§ Exercise aim:
Note each line in the data below that holds "Iron", and copy it.

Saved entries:
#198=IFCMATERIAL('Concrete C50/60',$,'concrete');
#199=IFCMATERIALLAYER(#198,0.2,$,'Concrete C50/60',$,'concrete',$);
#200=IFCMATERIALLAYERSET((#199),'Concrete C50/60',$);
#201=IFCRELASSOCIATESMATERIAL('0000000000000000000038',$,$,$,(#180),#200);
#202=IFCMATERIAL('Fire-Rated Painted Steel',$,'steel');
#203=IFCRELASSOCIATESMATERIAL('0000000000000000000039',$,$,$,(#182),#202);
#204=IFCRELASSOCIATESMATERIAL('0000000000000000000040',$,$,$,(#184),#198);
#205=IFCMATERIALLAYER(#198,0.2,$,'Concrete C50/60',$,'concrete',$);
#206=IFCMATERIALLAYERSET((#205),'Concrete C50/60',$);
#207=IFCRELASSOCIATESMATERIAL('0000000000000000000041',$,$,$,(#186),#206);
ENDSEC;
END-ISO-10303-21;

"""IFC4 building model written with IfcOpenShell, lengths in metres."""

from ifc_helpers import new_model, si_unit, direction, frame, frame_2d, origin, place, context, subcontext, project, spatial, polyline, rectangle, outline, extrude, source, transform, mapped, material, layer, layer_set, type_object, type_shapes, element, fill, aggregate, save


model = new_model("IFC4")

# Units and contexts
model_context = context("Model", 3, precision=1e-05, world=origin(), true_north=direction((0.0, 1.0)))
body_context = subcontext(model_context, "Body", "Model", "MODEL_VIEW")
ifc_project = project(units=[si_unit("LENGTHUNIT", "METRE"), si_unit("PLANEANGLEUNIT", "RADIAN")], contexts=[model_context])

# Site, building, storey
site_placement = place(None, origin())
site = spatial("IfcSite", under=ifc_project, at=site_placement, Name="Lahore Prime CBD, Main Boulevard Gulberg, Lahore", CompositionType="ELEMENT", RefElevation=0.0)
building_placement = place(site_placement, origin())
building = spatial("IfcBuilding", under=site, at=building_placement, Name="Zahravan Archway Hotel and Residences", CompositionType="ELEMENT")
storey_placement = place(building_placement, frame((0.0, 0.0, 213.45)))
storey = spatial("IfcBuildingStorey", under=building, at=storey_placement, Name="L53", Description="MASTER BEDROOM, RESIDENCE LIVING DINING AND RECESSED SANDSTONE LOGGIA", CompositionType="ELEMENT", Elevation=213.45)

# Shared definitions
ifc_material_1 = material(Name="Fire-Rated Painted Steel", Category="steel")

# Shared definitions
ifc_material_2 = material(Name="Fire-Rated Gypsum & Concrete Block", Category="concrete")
--
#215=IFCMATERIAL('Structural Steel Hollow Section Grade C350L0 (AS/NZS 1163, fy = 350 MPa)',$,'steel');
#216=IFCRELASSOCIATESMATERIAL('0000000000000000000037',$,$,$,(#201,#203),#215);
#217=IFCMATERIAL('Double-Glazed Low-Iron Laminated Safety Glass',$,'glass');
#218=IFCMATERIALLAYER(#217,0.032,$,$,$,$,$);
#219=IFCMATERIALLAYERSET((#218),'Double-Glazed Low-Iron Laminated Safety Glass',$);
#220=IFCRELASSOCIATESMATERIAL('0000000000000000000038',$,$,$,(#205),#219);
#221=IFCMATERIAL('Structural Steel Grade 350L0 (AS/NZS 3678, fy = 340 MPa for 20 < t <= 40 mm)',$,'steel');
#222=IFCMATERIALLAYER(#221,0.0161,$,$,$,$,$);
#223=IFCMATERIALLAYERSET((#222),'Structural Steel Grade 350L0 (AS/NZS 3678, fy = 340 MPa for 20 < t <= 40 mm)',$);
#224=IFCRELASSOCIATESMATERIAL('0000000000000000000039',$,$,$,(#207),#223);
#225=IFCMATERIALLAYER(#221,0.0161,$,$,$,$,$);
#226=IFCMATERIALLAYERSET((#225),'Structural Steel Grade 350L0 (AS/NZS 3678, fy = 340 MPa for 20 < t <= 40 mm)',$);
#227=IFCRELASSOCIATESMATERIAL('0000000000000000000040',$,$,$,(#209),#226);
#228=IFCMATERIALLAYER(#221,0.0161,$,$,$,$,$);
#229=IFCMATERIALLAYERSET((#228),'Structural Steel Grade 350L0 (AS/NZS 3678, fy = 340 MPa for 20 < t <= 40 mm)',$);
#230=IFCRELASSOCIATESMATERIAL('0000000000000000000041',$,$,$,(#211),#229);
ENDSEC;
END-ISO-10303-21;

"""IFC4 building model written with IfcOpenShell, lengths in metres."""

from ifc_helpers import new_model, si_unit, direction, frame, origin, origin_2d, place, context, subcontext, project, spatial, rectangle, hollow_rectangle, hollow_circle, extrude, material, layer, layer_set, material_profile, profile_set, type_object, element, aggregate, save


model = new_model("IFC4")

§ Exercise solution:
#217=IFCMATERIAL('Double-Glazed Low-Iron Laminated Safety Glass',$,'glass');
#219=IFCMATERIALLAYERSET((#218),'Double-Glazed Low-Iron Laminated Safety Glass',$);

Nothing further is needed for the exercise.